* RECORDS PROVIDED *
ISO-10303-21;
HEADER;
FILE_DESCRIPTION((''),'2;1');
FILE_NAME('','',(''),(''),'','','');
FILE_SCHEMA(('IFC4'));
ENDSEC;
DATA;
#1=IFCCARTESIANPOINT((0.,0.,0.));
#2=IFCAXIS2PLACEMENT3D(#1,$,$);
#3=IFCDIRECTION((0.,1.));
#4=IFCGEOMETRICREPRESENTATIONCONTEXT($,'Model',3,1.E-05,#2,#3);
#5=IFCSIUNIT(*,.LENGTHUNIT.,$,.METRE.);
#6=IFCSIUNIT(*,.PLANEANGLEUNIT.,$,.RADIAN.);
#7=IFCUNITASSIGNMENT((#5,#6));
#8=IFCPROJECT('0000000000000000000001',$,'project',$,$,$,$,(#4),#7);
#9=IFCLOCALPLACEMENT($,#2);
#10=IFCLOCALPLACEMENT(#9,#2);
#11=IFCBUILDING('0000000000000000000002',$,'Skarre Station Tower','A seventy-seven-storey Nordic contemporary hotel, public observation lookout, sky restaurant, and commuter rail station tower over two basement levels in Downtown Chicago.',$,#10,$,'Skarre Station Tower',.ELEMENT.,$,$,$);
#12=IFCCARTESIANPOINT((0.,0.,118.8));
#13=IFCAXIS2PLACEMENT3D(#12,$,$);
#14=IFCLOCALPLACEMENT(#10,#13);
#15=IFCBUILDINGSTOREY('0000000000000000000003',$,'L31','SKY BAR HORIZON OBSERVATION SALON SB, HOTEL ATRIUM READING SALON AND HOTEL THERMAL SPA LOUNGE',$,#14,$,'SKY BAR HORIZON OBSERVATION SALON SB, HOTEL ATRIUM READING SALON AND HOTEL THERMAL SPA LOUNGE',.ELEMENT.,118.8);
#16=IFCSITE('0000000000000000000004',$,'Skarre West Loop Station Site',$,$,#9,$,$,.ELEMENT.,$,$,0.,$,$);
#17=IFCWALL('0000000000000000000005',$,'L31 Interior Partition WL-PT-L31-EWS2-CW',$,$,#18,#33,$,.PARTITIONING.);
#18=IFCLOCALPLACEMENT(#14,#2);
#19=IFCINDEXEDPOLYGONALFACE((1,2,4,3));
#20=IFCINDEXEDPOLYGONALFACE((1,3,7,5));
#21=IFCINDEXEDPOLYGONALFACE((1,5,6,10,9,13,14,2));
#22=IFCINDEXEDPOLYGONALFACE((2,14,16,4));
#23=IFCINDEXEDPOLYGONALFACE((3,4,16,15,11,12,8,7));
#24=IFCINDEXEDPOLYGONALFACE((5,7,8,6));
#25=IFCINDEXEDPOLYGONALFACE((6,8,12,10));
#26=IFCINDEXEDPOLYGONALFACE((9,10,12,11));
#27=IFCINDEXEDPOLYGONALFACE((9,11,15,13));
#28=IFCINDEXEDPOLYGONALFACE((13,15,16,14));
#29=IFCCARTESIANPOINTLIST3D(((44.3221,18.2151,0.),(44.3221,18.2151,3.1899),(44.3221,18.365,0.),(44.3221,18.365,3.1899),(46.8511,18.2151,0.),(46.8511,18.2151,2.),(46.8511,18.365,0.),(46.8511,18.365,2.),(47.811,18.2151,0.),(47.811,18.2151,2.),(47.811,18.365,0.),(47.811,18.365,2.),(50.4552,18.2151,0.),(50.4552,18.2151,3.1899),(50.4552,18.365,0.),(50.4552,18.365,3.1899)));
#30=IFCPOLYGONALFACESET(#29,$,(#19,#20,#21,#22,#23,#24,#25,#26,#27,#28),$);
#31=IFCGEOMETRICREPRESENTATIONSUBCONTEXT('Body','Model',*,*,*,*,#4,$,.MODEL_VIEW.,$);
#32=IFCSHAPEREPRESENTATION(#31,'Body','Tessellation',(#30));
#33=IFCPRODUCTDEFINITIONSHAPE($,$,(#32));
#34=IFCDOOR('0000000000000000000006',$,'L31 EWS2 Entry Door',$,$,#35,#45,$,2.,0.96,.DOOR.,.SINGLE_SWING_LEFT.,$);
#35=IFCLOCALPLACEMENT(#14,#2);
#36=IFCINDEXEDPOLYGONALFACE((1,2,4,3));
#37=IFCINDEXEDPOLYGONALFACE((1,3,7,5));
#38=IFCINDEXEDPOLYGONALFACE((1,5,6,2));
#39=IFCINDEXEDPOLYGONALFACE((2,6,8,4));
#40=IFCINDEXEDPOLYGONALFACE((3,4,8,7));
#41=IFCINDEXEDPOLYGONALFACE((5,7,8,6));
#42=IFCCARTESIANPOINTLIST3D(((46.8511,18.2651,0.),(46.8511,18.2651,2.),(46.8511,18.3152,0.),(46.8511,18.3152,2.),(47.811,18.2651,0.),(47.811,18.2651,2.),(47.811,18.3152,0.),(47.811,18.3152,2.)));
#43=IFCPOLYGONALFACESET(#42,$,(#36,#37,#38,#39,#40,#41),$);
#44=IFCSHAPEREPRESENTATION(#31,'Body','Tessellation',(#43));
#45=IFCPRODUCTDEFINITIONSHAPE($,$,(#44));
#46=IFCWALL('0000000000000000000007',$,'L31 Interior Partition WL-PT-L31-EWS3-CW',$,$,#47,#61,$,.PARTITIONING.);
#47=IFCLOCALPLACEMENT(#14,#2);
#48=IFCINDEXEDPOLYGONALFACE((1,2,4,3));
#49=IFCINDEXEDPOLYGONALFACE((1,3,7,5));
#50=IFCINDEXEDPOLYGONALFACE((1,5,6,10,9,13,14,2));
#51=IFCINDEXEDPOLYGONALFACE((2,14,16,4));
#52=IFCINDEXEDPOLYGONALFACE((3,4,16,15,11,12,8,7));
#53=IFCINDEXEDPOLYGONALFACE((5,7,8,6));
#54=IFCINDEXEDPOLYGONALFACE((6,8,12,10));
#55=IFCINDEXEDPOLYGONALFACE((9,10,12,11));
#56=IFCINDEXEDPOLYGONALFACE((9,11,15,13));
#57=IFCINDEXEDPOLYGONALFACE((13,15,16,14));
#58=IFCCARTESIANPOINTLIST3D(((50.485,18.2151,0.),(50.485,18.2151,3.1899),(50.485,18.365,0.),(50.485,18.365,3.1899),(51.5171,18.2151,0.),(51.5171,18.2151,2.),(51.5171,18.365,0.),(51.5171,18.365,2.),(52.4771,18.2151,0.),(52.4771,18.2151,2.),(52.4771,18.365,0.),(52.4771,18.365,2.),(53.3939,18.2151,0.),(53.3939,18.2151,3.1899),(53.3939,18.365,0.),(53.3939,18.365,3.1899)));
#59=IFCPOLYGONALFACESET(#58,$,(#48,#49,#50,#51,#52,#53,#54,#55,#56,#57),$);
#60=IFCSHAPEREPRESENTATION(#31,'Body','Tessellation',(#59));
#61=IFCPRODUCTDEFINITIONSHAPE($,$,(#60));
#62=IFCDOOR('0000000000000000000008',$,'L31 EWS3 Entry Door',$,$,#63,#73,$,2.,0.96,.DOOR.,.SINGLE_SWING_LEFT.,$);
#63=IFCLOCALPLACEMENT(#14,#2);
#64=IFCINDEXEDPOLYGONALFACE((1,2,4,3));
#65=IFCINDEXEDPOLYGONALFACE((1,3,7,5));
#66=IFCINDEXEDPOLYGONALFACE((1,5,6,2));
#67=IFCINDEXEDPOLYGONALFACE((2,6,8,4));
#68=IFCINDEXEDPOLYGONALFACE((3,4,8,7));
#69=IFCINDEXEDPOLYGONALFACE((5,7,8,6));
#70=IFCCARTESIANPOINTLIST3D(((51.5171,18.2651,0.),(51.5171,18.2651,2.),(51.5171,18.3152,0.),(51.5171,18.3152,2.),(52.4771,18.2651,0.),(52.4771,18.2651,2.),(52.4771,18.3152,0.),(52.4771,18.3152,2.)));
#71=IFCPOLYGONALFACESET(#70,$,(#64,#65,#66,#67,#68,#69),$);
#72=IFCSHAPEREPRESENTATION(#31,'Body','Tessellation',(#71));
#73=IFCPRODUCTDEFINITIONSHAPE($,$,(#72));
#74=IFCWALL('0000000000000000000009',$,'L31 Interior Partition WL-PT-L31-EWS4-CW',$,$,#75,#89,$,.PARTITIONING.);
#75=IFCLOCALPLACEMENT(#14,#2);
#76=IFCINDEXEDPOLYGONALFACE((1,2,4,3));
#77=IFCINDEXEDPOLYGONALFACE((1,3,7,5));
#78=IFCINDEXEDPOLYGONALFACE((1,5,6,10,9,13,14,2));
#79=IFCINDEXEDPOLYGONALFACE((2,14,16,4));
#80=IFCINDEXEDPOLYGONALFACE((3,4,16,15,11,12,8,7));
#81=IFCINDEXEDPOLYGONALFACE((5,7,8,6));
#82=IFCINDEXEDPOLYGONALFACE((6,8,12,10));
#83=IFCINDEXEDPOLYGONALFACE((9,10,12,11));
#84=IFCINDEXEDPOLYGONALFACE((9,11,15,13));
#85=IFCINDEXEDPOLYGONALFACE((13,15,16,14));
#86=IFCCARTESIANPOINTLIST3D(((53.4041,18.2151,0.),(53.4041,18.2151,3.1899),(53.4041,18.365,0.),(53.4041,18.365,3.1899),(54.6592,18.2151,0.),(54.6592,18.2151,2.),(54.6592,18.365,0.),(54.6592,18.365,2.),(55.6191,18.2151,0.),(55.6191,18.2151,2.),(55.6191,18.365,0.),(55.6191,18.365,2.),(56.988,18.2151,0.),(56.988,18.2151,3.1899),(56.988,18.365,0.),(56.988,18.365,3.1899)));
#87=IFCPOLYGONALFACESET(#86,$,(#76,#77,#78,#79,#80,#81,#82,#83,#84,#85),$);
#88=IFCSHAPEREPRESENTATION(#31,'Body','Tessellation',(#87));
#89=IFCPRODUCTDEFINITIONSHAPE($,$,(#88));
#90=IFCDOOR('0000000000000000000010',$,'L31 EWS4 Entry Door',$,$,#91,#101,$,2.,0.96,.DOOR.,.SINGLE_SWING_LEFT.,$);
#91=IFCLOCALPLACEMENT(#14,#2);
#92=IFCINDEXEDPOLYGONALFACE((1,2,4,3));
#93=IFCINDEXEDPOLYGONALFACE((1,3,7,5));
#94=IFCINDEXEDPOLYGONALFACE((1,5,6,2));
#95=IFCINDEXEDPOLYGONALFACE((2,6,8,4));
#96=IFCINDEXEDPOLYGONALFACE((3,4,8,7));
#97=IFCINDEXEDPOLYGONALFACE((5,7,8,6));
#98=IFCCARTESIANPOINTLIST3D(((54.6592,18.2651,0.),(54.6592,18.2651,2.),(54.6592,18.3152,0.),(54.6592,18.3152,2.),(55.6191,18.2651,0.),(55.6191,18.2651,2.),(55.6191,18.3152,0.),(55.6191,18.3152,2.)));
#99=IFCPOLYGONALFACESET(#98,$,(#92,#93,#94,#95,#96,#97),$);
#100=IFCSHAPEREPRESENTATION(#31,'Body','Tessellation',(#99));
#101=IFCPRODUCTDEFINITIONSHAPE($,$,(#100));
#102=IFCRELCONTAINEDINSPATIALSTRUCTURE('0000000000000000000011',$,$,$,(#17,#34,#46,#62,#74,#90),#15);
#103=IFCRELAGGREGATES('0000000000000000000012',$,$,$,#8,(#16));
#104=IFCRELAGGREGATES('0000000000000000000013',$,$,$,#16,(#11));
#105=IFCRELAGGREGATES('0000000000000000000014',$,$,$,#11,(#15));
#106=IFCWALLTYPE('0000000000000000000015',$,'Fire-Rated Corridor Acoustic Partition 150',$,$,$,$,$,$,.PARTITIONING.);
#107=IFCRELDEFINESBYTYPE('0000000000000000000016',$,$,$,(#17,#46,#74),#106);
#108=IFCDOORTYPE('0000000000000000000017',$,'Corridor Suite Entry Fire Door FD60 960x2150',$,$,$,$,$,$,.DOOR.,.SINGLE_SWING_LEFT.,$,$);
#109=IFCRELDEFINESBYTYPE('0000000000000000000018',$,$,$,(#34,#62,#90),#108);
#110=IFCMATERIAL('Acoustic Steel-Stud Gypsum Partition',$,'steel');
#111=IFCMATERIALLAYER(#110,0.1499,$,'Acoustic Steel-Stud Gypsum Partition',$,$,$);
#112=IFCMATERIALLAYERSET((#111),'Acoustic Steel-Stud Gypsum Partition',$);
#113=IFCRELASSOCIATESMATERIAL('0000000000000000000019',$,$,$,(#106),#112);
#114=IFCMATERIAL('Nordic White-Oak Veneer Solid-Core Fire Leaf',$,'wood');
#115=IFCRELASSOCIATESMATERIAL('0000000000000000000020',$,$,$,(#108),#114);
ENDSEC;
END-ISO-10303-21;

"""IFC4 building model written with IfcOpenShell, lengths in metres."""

from ifc_helpers import new_model, si_unit, direction, frame, frame_2d, origin, place, context, subcontext, project, spatial, rectangle, extrude, material, layer, layer_set, type_object, element, fill, save


model = new_model("IFC4")

# Units and contexts
model_context = context("Model", 3, precision=1e-05, world=origin(), true_north=direction((0.0, 1.0)))
body_context = subcontext(model_context, "Body", "Model", "MODEL_VIEW")
ifc_project = project(units=[si_unit("LENGTHUNIT", "METRE"), si_unit("PLANEANGLEUNIT", "RADIAN")], contexts=[model_context])

# Site, building, storey
site_placement = place(None, origin())
site = spatial("IfcSite", under=ifc_project, at=site_placement, Name="Skarre West Loop Station Site", CompositionType="ELEMENT", RefElevation=0.0)
building_placement = place(site_placement, origin())
building = spatial("IfcBuilding", under=site, at=building_placement, Name="Skarre Station Tower", Description="A seventy-seven-storey Nordic contemporary hotel, public observation lookout, sky restaurant, and commuter rail station tower over two basement levels in Downtown Chicago.", LongName="Skarre Station Tower", CompositionType="ELEMENT")
storey_placement = place(building_placement, frame((0.0, 0.0, 118.8)))
storey = spatial("IfcBuildingStorey", under=building, at=storey_placement, Name="L31", Description="SKY BAR HORIZON OBSERVATION SALON SB, HOTEL ATRIUM READING SALON AND HOTEL THERMAL SPA LOUNGE", LongName="SKY BAR HORIZON OBSERVATION SALON SB, HOTEL ATRIUM READING SALON AND HOTEL THERMAL SPA LOUNGE", CompositionType="ELEMENT", Elevation=118.8)

# Walls, openings, doors
ifc_material_1 = material(Name="Acoustic Steel-Stud Gypsum Partition", Category="steel")
ifc_layer_1 = layer(ifc_material_1, 0.1499, Name="Acoustic Steel-Stud Gypsum Partition")
ifc_layer_set_1 = layer_set([ifc_layer_1], Name="Acoustic Steel-Stud Gypsum Partition")
wall_type_1 = type_object("IfcWallType", Name="Fire-Rated Corridor Acoustic Partition 150", PredefinedType="PARTITIONING", material=ifc_layer_set_1)
ifc_material_2 = material(Name="Nordic White-Oak Veneer Solid-Core Fire Leaf", Category="wood")
door_type = type_object("IfcDoorType", Name="Corridor Suite Entry Fire Door FD60 960x2150", OperationType="SINGLE_SWING_LEFT", PredefinedType="DOOR", material=ifc_material_2)
wall_1_placement = place(storey_placement, frame((50.4551, 18.29, 0.0), z_axis=(0.0, 0.0, 1.0), x_axis=(-1.0, 0.0, 0.0)))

* WORK TO COMPLETE *
Tally the lines above that contain the string "IFCRELDEFINESBYTYPE". Respond with the total alone.

* ANSWER SPACE *
2